#### About this exercise:
Some of the lines below need repeating. Reproduce exactly those between the lines holding "#102=IFCINDEXEDPOLYGONALFACE((1,2,4,3));" and "#131=IFCINDEXEDPOLYGONALFACE((5,7,8,6));", inclusive.

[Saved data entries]
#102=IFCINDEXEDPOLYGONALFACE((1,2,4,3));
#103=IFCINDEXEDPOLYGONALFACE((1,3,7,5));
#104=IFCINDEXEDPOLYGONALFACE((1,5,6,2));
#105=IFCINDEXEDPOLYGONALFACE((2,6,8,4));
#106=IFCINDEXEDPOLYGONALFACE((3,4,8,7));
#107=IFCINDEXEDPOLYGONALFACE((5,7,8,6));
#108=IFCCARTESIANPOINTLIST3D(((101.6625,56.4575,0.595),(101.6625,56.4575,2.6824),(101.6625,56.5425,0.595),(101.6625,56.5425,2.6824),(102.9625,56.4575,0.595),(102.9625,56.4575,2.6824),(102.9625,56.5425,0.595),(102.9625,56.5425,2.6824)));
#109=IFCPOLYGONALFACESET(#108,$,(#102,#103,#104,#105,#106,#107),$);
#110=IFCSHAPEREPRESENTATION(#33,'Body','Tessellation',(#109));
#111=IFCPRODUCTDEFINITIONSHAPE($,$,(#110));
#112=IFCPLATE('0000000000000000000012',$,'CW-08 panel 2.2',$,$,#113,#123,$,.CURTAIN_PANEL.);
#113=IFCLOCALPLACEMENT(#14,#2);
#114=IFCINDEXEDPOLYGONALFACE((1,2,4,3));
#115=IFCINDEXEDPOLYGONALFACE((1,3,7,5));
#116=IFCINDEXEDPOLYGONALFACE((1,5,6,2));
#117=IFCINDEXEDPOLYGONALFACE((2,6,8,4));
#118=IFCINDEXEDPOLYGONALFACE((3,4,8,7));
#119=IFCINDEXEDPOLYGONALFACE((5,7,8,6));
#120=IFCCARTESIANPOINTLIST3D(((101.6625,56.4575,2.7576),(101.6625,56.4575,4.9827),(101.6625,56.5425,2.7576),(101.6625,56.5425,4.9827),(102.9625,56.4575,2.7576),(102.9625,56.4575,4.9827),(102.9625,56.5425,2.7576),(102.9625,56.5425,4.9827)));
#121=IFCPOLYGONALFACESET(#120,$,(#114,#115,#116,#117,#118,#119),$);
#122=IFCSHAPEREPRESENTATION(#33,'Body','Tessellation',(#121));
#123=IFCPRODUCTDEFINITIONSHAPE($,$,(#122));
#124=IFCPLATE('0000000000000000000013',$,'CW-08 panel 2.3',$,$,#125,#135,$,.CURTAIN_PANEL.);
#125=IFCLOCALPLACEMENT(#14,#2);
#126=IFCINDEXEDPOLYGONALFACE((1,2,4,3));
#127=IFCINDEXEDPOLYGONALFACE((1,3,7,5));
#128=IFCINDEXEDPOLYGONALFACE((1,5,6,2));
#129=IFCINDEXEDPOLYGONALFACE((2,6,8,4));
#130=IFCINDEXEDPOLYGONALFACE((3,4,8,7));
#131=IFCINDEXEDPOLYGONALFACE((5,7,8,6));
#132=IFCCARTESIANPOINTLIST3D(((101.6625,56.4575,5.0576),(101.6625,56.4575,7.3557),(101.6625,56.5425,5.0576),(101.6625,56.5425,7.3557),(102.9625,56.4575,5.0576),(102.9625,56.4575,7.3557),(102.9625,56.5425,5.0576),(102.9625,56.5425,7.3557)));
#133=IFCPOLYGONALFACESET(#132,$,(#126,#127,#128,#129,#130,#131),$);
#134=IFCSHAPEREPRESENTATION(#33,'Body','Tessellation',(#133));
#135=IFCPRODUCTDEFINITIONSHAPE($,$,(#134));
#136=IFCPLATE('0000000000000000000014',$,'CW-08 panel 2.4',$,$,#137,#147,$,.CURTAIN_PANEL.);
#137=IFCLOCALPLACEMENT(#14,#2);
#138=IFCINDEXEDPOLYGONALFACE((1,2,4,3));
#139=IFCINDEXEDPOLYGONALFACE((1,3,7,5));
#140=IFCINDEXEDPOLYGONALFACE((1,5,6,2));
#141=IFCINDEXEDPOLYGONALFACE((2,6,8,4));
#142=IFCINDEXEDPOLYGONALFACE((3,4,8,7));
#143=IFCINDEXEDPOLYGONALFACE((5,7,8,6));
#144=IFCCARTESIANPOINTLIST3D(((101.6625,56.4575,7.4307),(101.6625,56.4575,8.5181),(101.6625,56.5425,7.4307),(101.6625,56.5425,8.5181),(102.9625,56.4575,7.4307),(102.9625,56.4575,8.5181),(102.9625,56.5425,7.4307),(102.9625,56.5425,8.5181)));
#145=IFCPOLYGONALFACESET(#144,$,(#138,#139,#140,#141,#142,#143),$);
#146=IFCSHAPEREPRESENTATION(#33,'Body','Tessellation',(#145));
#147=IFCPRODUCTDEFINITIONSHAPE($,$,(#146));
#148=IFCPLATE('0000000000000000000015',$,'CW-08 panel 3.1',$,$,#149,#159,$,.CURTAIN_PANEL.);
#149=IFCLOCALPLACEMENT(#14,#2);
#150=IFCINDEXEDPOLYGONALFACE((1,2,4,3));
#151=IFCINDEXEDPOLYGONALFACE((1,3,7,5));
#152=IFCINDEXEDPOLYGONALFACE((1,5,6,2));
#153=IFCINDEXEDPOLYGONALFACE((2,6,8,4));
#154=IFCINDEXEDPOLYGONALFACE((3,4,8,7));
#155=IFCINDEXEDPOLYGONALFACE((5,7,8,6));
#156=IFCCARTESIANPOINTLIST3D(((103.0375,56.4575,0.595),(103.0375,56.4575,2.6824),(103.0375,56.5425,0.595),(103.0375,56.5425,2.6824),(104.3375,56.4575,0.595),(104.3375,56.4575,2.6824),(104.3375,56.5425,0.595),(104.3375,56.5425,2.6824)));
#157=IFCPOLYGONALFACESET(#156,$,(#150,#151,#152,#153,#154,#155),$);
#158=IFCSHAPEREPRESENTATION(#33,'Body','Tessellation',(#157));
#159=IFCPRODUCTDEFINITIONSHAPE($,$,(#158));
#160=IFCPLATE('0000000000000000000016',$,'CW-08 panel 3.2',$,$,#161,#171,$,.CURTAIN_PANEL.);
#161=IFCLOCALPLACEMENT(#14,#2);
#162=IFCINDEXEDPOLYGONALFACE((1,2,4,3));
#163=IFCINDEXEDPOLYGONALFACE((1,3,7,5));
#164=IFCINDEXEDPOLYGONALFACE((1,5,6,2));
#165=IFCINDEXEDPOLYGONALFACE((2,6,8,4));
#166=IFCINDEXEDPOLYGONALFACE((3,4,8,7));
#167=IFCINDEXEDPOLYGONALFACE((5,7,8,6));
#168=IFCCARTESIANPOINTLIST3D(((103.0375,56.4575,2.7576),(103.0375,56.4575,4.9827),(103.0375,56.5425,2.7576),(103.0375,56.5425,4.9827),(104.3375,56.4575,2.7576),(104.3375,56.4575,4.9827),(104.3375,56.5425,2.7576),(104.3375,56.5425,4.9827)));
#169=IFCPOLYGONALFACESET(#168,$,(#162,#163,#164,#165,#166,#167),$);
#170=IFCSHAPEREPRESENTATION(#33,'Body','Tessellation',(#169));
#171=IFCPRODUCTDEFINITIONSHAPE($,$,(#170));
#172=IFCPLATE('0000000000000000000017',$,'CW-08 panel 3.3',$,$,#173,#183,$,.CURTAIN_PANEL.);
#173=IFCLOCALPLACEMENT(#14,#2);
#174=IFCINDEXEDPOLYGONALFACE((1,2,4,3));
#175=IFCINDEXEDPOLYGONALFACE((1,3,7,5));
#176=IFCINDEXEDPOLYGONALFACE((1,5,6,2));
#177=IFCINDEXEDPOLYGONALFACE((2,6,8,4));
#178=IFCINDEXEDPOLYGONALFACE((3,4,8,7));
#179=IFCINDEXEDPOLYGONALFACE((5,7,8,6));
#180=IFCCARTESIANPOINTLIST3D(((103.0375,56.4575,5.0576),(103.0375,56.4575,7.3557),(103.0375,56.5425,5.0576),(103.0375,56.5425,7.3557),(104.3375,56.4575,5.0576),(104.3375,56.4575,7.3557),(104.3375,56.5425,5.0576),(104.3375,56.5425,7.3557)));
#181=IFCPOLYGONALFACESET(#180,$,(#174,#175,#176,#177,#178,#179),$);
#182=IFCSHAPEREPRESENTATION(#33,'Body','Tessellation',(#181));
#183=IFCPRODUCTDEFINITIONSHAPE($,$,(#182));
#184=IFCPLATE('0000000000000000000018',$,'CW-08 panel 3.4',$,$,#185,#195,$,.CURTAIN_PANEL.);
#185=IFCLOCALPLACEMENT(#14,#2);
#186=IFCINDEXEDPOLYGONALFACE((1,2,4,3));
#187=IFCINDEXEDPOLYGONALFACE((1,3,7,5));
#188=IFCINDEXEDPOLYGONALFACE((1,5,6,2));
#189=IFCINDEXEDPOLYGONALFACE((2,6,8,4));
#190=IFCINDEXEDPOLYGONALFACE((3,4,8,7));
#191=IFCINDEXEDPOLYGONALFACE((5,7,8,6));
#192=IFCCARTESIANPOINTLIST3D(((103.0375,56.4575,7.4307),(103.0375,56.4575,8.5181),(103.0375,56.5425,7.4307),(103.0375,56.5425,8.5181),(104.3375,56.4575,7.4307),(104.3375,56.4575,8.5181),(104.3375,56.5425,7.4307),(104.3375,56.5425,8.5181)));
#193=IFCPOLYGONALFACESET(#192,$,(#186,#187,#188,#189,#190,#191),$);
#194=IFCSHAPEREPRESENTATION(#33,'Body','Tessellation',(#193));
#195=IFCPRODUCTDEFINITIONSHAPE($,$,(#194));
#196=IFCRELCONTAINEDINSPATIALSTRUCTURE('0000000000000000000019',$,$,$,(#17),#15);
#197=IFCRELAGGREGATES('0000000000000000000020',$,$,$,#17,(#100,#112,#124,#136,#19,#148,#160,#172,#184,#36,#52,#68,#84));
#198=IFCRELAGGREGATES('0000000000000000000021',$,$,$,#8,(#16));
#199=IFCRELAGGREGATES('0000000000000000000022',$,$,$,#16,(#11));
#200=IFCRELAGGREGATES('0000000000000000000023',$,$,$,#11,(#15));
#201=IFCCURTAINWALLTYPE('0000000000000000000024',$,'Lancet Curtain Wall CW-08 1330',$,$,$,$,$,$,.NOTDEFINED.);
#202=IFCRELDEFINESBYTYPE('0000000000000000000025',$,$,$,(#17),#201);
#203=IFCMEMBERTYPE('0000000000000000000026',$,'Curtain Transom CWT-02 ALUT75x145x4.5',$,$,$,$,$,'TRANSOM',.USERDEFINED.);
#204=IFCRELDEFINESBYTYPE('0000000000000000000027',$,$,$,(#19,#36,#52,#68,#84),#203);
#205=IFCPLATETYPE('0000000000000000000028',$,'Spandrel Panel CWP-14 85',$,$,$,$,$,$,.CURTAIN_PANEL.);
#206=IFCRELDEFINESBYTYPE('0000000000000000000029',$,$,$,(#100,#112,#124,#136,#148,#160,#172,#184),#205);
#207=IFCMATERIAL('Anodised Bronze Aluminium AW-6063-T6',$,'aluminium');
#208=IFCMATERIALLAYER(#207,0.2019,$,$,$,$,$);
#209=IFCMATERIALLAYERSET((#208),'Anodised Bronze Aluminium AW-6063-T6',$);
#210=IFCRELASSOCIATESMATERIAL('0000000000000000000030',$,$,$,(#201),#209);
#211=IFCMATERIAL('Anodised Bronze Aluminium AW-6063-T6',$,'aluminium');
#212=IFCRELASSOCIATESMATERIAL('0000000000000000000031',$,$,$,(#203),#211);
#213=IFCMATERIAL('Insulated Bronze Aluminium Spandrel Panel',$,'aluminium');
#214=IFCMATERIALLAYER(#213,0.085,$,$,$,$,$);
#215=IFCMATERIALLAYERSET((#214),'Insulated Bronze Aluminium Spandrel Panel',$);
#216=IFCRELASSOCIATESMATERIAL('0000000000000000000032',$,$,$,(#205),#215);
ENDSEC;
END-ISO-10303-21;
==
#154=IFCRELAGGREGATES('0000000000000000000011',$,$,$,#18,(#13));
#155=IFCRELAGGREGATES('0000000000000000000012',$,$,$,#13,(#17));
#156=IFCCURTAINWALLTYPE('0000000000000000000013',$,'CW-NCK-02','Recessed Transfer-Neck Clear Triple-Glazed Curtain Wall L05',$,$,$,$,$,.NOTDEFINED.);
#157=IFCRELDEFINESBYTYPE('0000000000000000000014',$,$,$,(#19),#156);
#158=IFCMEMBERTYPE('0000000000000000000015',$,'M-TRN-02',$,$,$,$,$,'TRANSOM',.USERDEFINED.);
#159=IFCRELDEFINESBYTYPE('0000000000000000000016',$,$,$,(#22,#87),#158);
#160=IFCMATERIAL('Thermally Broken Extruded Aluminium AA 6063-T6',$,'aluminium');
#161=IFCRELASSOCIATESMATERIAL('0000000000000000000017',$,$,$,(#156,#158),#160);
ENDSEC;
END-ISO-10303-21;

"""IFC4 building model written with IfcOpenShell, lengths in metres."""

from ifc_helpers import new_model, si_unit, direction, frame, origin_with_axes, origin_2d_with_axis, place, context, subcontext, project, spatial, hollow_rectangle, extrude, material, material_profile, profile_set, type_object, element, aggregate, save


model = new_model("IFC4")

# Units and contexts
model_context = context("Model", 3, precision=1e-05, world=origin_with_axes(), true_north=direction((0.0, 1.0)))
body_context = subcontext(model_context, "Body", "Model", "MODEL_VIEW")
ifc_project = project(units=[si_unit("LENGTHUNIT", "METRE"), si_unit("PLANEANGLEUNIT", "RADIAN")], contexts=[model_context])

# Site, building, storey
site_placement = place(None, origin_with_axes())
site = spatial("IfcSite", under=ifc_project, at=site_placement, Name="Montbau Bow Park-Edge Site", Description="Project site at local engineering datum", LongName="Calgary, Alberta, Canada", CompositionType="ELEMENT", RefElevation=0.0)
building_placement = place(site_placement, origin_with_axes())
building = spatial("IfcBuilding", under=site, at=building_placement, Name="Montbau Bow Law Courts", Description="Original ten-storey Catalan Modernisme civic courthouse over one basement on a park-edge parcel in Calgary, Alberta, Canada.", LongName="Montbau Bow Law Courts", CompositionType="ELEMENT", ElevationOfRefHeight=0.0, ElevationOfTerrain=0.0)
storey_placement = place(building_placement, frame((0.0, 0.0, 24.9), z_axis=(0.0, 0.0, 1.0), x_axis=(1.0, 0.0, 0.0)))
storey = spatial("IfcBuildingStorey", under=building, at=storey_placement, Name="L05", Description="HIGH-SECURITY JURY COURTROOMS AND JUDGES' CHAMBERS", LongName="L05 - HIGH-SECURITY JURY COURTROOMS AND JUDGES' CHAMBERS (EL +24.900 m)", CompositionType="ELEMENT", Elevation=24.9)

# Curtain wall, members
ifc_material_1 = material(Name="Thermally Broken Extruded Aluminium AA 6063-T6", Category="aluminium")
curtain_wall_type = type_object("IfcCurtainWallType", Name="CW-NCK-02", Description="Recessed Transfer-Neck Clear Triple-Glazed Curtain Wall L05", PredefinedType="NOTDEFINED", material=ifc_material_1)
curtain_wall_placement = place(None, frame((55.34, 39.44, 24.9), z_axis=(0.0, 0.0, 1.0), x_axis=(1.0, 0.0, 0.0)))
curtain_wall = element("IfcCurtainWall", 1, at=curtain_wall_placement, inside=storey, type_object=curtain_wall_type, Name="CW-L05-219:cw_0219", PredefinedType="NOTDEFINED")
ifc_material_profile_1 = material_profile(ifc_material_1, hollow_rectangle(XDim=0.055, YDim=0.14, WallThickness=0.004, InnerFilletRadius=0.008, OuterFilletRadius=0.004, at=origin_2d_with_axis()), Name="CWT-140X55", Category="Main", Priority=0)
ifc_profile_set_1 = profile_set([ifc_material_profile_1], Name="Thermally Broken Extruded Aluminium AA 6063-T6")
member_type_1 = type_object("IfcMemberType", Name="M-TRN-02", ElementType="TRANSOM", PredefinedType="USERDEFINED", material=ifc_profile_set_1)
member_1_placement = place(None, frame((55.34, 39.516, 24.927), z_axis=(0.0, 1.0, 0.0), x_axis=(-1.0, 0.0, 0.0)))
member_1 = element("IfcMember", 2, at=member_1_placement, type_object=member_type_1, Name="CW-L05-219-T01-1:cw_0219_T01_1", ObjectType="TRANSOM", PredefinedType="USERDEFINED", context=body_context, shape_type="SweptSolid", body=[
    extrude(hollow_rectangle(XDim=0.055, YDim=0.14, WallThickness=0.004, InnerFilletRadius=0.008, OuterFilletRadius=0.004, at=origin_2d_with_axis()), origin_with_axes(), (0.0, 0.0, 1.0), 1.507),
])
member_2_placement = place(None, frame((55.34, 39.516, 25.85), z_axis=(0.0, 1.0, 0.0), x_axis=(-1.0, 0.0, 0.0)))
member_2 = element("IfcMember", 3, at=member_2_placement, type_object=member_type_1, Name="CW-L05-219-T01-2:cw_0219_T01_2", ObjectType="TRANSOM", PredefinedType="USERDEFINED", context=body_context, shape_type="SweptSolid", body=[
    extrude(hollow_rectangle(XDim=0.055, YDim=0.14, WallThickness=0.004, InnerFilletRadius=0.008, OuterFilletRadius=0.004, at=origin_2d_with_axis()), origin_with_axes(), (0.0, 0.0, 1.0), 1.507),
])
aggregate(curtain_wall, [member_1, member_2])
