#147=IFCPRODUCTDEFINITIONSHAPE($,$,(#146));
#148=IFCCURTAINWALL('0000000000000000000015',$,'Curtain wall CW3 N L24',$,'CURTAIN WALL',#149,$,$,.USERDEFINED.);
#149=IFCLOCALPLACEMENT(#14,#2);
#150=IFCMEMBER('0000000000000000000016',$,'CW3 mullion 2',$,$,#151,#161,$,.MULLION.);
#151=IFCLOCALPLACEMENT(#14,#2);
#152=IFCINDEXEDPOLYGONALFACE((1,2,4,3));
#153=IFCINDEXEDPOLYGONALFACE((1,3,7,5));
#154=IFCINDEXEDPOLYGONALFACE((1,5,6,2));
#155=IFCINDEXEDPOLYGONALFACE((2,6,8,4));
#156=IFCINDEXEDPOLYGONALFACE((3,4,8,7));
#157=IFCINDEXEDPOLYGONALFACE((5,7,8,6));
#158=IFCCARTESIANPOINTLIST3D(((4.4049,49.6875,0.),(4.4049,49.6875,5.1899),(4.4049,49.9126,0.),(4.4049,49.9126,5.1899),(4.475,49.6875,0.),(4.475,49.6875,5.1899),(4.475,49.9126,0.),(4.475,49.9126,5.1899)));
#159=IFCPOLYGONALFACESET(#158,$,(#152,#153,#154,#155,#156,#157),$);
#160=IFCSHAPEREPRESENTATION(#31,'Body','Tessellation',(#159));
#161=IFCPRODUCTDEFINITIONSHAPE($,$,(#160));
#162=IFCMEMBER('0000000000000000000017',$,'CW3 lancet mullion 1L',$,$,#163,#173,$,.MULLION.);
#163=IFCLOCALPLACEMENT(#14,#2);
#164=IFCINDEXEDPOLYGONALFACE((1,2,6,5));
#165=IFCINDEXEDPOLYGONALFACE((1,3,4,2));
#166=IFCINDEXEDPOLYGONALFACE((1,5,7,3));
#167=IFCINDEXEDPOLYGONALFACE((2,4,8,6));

#### Task output:
#102=IFCINDEXEDPOLYGONALFACE((1,2,4,3));
#103=IFCINDEXEDPOLYGONALFACE((1,3,7,5));
#104=IFCINDEXEDPOLYGONALFACE((1,5,6,2));
#105=IFCINDEXEDPOLYGONALFACE((2,6,8,4));
#106=IFCINDEXEDPOLYGONALFACE((3,4,8,7));
#107=IFCINDEXEDPOLYGONALFACE((5,7,8,6));
#108=IFCCARTESIANPOINTLIST3D(((101.6625,56.4575,0.595),(101.6625,56.4575,2.6824),(101.6625,56.5425,0.595),(101.6625,56.5425,2.6824),(102.9625,56.4575,0.595),(102.9625,56.4575,2.6824),(102.9625,56.5425,0.595),(102.9625,56.5425,2.6824)));
#109=IFCPOLYGONALFACESET(#108,$,(#102,#103,#104,#105,#106,#107),$);
#110=IFCSHAPEREPRESENTATION(#33,'Body','Tessellation',(#109));
#111=IFCPRODUCTDEFINITIONSHAPE($,$,(#110));
#112=IFCPLATE('0000000000000000000012',$,'CW-08 panel 2.2',$,$,#113,#123,$,.CURTAIN_PANEL.);
#113=IFCLOCALPLACEMENT(#14,#2);
#114=IFCINDEXEDPOLYGONALFACE((1,2,4,3));
#115=IFCINDEXEDPOLYGONALFACE((1,3,7,5));
#116=IFCINDEXEDPOLYGONALFACE((1,5,6,2));
#117=IFCINDEXEDPOLYGONALFACE((2,6,8,4));
#118=IFCINDEXEDPOLYGONALFACE((3,4,8,7));
#119=IFCINDEXEDPOLYGONALFACE((5,7,8,6));
#120=IFCCARTESIANPOINTLIST3D(((101.6625,56.4575,2.7576),(101.6625,56.4575,4.9827),(101.6625,56.5425,2.7576),(101.6625,56.5425,4.9827),(102.9625,56.4575,2.7576),(102.9625,56.4575,4.9827),(102.9625,56.5425,2.7576),(102.9625,56.5425,4.9827)));
#121=IFCPOLYGONALFACESET(#120,$,(#114,#115,#116,#117,#118,#119),$);
#122=IFCSHAPEREPRESENTATION(#33,'Body','Tessellation',(#121));
#123=IFCPRODUCTDEFINITIONSHAPE($,$,(#122));
#124=IFCPLATE('0000000000000000000013',$,'CW-08 panel 2.3',$,$,#125,#135,$,.CURTAIN_PANEL.);
#125=IFCLOCALPLACEMENT(#14,#2);
#126=IFCINDEXEDPOLYGONALFACE((1,2,4,3));
#127=IFCINDEXEDPOLYGONALFACE((1,3,7,5));
#128=IFCINDEXEDPOLYGONALFACE((1,5,6,2));
#129=IFCINDEXEDPOLYGONALFACE((2,6,8,4));
#130=IFCINDEXEDPOLYGONALFACE((3,4,8,7));
#131=IFCINDEXEDPOLYGONALFACE((5,7,8,6));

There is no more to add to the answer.